Brief - Where the records appear below, transcribe them exactly, leaving none out.
─── Provided records ───
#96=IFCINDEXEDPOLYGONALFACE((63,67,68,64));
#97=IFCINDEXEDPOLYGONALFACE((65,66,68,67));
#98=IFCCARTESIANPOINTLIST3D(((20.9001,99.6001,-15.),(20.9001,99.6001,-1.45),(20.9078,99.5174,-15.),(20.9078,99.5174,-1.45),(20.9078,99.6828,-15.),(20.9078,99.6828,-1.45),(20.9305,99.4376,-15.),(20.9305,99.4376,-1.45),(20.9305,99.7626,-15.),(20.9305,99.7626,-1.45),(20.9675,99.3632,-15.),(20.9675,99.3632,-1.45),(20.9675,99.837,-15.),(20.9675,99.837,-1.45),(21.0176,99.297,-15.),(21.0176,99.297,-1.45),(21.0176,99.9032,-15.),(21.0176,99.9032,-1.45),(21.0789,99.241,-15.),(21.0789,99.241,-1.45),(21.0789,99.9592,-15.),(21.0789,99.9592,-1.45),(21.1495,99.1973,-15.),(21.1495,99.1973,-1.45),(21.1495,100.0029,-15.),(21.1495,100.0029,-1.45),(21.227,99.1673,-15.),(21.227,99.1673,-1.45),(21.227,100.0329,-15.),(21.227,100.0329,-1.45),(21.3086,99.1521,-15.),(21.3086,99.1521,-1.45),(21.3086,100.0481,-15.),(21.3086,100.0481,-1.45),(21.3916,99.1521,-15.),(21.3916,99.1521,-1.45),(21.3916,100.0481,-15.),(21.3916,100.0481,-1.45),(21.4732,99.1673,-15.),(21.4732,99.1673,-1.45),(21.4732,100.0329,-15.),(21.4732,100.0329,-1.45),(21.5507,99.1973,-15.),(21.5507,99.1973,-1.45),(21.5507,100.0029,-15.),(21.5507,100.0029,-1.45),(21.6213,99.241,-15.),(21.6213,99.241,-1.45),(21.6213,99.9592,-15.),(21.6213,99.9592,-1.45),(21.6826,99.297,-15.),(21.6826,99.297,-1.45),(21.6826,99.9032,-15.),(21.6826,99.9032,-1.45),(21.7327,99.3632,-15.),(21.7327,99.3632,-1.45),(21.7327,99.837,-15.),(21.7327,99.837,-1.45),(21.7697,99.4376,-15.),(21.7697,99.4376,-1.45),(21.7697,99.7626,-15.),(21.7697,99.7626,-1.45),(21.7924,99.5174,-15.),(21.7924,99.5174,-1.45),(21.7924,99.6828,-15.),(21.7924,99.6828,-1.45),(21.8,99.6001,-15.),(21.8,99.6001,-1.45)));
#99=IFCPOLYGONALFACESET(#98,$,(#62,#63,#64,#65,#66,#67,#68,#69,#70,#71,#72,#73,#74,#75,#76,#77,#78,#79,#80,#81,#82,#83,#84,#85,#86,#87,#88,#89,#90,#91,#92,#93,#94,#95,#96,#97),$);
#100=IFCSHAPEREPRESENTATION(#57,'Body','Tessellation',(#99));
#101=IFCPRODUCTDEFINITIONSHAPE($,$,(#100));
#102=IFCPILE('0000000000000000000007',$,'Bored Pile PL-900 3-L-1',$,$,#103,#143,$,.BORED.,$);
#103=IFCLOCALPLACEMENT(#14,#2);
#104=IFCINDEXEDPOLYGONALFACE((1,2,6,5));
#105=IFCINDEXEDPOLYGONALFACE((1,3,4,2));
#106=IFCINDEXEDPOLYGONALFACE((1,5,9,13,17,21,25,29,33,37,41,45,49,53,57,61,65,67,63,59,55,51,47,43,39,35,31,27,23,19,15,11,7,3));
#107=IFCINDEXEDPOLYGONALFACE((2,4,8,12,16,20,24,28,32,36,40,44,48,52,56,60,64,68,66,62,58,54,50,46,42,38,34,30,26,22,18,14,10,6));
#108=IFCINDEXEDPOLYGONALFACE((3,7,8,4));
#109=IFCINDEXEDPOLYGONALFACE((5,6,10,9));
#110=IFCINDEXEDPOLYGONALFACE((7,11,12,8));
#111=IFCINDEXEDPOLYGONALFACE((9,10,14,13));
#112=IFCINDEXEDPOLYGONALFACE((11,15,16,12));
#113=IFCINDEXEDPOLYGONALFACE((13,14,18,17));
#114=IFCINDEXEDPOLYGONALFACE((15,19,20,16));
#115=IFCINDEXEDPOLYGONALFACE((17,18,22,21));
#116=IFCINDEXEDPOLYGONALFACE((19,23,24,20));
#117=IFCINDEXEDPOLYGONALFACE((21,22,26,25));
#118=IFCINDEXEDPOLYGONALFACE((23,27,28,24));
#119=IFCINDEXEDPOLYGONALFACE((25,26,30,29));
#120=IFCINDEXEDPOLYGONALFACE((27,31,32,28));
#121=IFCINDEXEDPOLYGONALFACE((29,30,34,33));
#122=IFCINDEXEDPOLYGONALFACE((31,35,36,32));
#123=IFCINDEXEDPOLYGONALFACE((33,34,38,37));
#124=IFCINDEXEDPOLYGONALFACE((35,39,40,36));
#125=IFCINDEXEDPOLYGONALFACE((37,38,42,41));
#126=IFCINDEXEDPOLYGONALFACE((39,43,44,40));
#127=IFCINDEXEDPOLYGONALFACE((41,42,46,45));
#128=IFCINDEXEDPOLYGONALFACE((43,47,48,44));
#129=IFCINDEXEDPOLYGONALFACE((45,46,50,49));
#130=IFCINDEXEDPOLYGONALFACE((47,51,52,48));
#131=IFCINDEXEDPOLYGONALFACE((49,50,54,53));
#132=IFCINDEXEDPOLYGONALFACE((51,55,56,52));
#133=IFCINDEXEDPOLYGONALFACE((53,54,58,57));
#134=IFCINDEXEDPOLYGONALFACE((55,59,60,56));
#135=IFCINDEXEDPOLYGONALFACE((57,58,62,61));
───
Solution to this exercise -
#96=IFCINDEXEDPOLYGONALFACE((63,67,68,64));
#97=IFCINDEXEDPOLYGONALFACE((65,66,68,67));
#98=IFCCARTESIANPOINTLIST3D(((20.9001,99.6001,-15.),(20.9001,99.6001,-1.45),(20.9078,99.5174,-15.),(20.9078,99.5174,-1.45),(20.9078,99.6828,-15.),(20.9078,99.6828,-1.45),(20.9305,99.4376,-15.),(20.9305,99.4376,-1.45),(20.9305,99.7626,-15.),(20.9305,99.7626,-1.45),(20.9675,99.3632,-15.),(20.9675,99.3632,-1.45),(20.9675,99.837,-15.),(20.9675,99.837,-1.45),(21.0176,99.297,-15.),(21.0176,99.297,-1.45),(21.0176,99.9032,-15.),(21.0176,99.9032,-1.45),(21.0789,99.241,-15.),(21.0789,99.241,-1.45),(21.0789,99.9592,-15.),(21.0789,99.9592,-1.45),(21.1495,99.1973,-15.),(21.1495,99.1973,-1.45),(21.1495,100.0029,-15.),(21.1495,100.0029,-1.45),(21.227,99.1673,-15.),(21.227,99.1673,-1.45),(21.227,100.0329,-15.),(21.227,100.0329,-1.45),(21.3086,99.1521,-15.),(21.3086,99.1521,-1.45),(21.3086,100.0481,-15.),(21.3086,100.0481,-1.45),(21.3916,99.1521,-15.),(21.3916,99.1521,-1.45),(21.3916,100.0481,-15.),(21.3916,100.0481,-1.45),(21.4732,99.1673,-15.),(21.4732,99.1673,-1.45),(21.4732,100.0329,-15.),(21.4732,100.0329,-1.45),(21.5507,99.1973,-15.),(21.5507,99.1973,-1.45),(21.5507,100.0029,-15.),(21.5507,100.0029,-1.45),(21.6213,99.241,-15.),(21.6213,99.241,-1.45),(21.6213,99.9592,-15.),(21.6213,99.9592,-1.45),(21.6826,99.297,-15.),(21.6826,99.297,-1.45),(21.6826,99.9032,-15.),(21.6826,99.9032,-1.45),(21.7327,99.3632,-15.),(21.7327,99.3632,-1.45),(21.7327,99.837,-15.),(21.7327,99.837,-1.45),(21.7697,99.4376,-15.),(21.7697,99.4376,-1.45),(21.7697,99.7626,-15.),(21.7697,99.7626,-1.45),(21.7924,99.5174,-15.),(21.7924,99.5174,-1.45),(21.7924,99.6828,-15.),(21.7924,99.6828,-1.45),(21.8,99.6001,-15.),(21.8,99.6001,-1.45)));
#99=IFCPOLYGONALFACESET(#98,$,(#62,#63,#64,#65,#66,#67,#68,#69,#70,#71,#72,#73,#74,#75,#76,#77,#78,#79,#80,#81,#82,#83,#84,#85,#86,#87,#88,#89,#90,#91,#92,#93,#94,#95,#96,#97),$);
#100=IFCSHAPEREPRESENTATION(#57,'Body','Tessellation',(#99));
#101=IFCPRODUCTDEFINITIONSHAPE($,$,(#100));
#102=IFCPILE('0000000000000000000007',$,'Bored Pile PL-900 3-L-1',$,$,#103,#143,$,.BORED.,$);
#103=IFCLOCALPLACEMENT(#14,#2);
#104=IFCINDEXEDPOLYGONALFACE((1,2,6,5));
#105=IFCINDEXEDPOLYGONALFACE((1,3,4,2));
#106=IFCINDEXEDPOLYGONALFACE((1,5,9,13,17,21,25,29,33,37,41,45,49,53,57,61,65,67,63,59,55,51,47,43,39,35,31,27,23,19,15,11,7,3));
#107=IFCINDEXEDPOLYGONALFACE((2,4,8,12,16,20,24,28,32,36,40,44,48,52,56,60,64,68,66,62,58,54,50,46,42,38,34,30,26,22,18,14,10,6));
#108=IFCINDEXEDPOLYGONALFACE((3,7,8,4));
#109=IFCINDEXEDPOLYGONALFACE((5,6,10,9));
#110=IFCINDEXEDPOLYGONALFACE((7,11,12,8));
#111=IFCINDEXEDPOLYGONALFACE((9,10,14,13));
#112=IFCINDEXEDPOLYGONALFACE((11,15,16,12));
#113=IFCINDEXEDPOLYGONALFACE((13,14,18,17));
#114=IFCINDEXEDPOLYGONALFACE((15,19,20,16));
#115=IFCINDEXEDPOLYGONALFACE((17,18,22,21));
#116=IFCINDEXEDPOLYGONALFACE((19,23,24,20));
#117=IFCINDEXEDPOLYGONALFACE((21,22,26,25));
#118=IFCINDEXEDPOLYGONALFACE((23,27,28,24));
#119=IFCINDEXEDPOLYGONALFACE((25,26,30,29));
#120=IFCINDEXEDPOLYGONALFACE((27,31,32,28));
#121=IFCINDEXEDPOLYGONALFACE((29,30,34,33));
#122=IFCINDEXEDPOLYGONALFACE((31,35,36,32));
#123=IFCINDEXEDPOLYGONALFACE((33,34,38,37));
#124=IFCINDEXEDPOLYGONALFACE((35,39,40,36));
#125=IFCINDEXEDPOLYGONALFACE((37,38,42,41));
#126=IFCINDEXEDPOLYGONALFACE((39,43,44,40));
#127=IFCINDEXEDPOLYGONALFACE((41,42,46,45));
#128=IFCINDEXEDPOLYGONALFACE((43,47,48,44));
#129=IFCINDEXEDPOLYGONALFACE((45,46,50,49));
#130=IFCINDEXEDPOLYGONALFACE((47,51,52,48));
#131=IFCINDEXEDPOLYGONALFACE((49,50,54,53));
#132=IFCINDEXEDPOLYGONALFACE((51,55,56,52));
#133=IFCINDEXEDPOLYGONALFACE((53,54,58,57));
#134=IFCINDEXEDPOLYGONALFACE((55,59,60,56));
#135=IFCINDEXEDPOLYGONALFACE((57,58,62,61));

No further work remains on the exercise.